─── Record set ───
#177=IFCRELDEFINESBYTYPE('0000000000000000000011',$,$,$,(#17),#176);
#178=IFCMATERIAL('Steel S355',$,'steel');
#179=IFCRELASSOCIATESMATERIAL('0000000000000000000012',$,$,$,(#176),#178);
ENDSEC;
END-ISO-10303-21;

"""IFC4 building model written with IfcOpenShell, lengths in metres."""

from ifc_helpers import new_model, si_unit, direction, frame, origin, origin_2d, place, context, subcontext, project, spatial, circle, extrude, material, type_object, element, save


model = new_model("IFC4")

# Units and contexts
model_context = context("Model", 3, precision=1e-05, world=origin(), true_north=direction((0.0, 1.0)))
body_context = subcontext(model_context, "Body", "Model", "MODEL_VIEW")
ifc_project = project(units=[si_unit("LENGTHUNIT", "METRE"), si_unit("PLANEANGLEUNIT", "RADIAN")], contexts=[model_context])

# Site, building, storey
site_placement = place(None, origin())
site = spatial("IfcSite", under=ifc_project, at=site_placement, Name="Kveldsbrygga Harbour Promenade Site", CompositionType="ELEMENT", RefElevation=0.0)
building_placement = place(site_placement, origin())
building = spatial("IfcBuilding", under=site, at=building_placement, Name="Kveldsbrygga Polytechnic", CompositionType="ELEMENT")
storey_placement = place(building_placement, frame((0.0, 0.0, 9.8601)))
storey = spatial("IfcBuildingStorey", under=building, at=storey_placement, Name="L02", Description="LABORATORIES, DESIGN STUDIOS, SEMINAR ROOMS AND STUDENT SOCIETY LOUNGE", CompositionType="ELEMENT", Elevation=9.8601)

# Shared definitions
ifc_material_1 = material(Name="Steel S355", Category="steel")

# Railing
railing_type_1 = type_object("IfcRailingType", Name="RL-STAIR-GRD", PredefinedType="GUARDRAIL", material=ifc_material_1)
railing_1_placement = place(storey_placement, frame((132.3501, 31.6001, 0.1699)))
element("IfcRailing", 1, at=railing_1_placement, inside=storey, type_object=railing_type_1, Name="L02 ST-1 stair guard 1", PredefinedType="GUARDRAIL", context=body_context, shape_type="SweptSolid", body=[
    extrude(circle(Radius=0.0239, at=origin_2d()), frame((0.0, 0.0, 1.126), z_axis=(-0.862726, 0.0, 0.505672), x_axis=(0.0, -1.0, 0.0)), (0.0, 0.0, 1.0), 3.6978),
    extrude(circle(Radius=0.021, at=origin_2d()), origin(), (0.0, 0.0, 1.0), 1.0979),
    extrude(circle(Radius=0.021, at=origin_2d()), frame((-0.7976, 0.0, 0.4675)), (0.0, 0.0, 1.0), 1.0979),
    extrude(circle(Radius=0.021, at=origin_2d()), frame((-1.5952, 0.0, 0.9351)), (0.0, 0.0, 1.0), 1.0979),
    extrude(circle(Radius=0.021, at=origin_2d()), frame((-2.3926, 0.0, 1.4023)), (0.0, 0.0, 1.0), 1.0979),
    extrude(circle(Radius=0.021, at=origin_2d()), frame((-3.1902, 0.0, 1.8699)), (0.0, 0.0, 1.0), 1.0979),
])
───
─── Record set ───
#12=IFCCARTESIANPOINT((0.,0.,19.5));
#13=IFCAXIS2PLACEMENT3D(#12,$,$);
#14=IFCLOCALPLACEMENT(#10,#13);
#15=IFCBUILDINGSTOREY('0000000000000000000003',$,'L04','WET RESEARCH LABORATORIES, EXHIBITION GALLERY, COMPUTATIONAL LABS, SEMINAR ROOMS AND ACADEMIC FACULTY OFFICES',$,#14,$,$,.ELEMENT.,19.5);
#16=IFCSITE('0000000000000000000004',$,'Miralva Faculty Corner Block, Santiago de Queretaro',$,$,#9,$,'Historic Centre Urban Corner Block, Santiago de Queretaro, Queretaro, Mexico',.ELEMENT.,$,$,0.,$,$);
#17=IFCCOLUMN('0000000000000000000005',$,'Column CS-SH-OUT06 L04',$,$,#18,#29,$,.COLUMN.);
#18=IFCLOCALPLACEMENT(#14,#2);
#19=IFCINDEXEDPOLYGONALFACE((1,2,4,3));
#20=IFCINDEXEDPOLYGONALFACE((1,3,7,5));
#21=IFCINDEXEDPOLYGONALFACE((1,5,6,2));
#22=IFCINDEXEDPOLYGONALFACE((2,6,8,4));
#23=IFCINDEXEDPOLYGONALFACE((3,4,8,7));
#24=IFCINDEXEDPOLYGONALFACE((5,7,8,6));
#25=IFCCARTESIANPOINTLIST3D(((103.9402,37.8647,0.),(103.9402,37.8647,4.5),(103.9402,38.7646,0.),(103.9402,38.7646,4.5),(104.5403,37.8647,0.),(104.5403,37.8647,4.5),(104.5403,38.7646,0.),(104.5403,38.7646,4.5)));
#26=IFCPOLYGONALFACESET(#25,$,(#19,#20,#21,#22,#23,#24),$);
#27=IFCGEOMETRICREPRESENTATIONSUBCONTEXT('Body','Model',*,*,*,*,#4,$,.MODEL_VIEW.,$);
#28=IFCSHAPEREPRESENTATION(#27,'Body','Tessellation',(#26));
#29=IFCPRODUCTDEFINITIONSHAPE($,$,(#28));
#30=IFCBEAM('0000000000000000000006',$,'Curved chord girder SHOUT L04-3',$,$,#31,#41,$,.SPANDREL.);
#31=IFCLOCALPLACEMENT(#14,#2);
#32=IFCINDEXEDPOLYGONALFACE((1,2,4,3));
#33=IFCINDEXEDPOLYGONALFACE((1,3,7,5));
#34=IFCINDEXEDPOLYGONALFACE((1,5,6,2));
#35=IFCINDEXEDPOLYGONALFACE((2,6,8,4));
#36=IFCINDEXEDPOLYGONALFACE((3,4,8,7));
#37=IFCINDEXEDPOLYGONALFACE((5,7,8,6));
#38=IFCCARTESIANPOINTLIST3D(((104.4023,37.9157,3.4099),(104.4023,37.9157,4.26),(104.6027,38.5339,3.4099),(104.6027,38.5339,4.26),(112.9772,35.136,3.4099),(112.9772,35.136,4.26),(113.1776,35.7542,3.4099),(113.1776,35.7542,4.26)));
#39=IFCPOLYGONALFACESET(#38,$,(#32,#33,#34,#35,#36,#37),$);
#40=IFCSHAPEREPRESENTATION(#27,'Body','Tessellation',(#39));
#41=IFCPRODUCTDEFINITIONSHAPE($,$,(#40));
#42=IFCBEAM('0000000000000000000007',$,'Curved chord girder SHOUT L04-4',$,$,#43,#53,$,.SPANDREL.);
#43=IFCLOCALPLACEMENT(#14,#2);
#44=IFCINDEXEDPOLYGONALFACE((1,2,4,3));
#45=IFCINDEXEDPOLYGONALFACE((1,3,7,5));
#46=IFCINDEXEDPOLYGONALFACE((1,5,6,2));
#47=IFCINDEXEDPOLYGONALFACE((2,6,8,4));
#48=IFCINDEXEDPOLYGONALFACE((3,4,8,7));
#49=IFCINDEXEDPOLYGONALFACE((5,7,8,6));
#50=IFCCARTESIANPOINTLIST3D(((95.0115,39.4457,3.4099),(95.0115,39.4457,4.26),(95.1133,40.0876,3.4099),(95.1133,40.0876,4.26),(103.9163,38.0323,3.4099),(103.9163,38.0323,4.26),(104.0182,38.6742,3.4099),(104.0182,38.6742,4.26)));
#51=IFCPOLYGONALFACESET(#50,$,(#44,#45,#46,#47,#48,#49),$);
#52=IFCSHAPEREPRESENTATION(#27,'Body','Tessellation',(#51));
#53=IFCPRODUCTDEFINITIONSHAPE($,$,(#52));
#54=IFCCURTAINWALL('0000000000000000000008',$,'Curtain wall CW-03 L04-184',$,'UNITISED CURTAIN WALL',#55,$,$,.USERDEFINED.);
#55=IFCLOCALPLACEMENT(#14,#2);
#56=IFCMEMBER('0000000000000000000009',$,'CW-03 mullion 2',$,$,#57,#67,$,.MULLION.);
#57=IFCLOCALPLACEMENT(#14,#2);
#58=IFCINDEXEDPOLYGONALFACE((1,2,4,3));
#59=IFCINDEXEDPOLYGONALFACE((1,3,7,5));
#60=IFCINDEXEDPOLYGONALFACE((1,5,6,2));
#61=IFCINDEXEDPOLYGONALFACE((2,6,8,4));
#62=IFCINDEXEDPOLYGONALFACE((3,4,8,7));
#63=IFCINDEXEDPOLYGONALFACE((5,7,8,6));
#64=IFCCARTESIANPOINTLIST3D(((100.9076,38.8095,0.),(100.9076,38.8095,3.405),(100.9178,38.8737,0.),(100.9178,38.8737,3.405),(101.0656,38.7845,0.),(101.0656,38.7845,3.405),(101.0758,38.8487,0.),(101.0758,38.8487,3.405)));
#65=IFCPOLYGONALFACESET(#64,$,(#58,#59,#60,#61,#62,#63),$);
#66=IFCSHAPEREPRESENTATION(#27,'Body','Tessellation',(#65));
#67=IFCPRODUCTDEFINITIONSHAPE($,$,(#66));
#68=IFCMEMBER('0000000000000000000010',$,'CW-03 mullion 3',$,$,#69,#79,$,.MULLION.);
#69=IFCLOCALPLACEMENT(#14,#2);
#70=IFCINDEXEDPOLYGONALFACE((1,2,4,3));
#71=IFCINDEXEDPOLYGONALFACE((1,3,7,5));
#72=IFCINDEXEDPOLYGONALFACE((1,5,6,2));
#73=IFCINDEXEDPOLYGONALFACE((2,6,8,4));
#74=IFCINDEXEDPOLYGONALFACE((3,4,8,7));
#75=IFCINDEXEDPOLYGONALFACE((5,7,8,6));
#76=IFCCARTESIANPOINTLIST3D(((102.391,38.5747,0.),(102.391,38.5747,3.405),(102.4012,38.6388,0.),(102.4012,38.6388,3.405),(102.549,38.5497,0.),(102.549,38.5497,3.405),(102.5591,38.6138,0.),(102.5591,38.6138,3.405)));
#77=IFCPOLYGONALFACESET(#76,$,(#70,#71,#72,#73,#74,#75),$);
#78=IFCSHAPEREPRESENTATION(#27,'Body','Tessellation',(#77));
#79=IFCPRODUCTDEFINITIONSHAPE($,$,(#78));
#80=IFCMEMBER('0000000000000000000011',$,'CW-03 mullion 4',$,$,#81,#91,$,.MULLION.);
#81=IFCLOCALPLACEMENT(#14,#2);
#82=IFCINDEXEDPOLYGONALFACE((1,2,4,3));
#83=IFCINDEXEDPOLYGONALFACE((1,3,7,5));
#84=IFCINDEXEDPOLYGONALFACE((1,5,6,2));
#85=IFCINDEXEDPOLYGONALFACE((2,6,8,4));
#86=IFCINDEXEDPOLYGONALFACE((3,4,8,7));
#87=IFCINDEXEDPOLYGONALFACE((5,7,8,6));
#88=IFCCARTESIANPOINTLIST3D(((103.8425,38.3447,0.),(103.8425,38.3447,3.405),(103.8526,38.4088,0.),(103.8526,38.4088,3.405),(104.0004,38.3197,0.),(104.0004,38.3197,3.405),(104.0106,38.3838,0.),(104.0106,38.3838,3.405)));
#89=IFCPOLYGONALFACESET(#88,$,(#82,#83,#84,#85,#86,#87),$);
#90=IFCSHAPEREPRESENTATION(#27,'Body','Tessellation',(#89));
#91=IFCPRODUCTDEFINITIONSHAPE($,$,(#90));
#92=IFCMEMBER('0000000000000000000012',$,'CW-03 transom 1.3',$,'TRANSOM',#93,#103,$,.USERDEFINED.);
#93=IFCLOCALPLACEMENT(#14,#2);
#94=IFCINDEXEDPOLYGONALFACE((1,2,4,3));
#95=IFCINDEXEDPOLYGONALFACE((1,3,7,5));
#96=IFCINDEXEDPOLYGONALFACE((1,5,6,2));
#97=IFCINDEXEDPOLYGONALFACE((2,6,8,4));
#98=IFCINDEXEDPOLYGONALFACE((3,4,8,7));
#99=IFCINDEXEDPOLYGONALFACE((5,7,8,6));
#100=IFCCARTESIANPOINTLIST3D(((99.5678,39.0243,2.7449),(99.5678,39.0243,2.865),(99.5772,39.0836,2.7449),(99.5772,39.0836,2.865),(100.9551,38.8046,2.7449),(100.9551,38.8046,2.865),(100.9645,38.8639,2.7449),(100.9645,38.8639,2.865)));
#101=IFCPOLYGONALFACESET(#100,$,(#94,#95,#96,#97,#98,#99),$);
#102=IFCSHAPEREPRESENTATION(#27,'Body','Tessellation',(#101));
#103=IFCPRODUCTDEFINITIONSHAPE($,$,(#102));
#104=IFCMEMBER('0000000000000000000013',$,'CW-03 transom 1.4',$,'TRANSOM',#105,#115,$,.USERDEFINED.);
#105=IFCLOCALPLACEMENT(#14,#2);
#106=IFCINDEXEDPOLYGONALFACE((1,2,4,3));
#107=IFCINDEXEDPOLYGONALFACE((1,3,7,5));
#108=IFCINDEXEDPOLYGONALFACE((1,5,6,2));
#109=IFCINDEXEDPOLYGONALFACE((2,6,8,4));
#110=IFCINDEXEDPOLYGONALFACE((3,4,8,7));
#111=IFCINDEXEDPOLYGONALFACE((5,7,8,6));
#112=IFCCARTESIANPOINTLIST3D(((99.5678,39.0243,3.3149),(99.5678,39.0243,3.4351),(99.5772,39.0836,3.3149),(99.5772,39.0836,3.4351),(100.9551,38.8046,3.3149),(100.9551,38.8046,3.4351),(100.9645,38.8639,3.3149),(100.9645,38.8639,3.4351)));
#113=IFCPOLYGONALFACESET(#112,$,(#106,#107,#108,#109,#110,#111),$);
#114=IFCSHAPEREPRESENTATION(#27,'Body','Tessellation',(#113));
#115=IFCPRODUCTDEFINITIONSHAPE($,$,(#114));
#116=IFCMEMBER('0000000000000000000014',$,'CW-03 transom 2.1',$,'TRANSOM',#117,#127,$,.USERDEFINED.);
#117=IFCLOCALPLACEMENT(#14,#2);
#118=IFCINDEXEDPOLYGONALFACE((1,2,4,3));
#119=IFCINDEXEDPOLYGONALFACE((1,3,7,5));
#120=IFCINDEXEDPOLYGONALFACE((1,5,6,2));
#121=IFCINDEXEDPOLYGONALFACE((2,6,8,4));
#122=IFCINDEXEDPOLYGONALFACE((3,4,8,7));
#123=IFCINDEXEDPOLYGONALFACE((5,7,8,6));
───
The problem
Above are the entries. Quote exactly the lines from the one bearing "#111=IFCINDEXEDPOLYGONALFACE((5,7,8,6));" through the one bearing "#123=IFCINDEXEDPOLYGONALFACE((5,7,8,6));".

Problem solution
#111=IFCINDEXEDPOLYGONALFACE((5,7,8,6));
#112=IFCCARTESIANPOINTLIST3D(((99.5678,39.0243,3.3149),(99.5678,39.0243,3.4351),(99.5772,39.0836,3.3149),(99.5772,39.0836,3.4351),(100.9551,38.8046,3.3149),(100.9551,38.8046,3.4351),(100.9645,38.8639,3.3149),(100.9645,38.8639,3.4351)));
#113=IFCPOLYGONALFACESET(#112,$,(#106,#107,#108,#109,#110,#111),$);
#114=IFCSHAPEREPRESENTATION(#27,'Body','Tessellation',(#113));
#115=IFCPRODUCTDEFINITIONSHAPE($,$,(#114));
#116=IFCMEMBER('0000000000000000000014',$,'CW-03 transom 2.1',$,'TRANSOM',#117,#127,$,.USERDEFINED.);
#117=IFCLOCALPLACEMENT(#14,#2);
#118=IFCINDEXEDPOLYGONALFACE((1,2,4,3));
#119=IFCINDEXEDPOLYGONALFACE((1,3,7,5));
#120=IFCINDEXEDPOLYGONALFACE((1,5,6,2));
#121=IFCINDEXEDPOLYGONALFACE((2,6,8,4));
#122=IFCINDEXEDPOLYGONALFACE((3,4,8,7));
#123=IFCINDEXEDPOLYGONALFACE((5,7,8,6));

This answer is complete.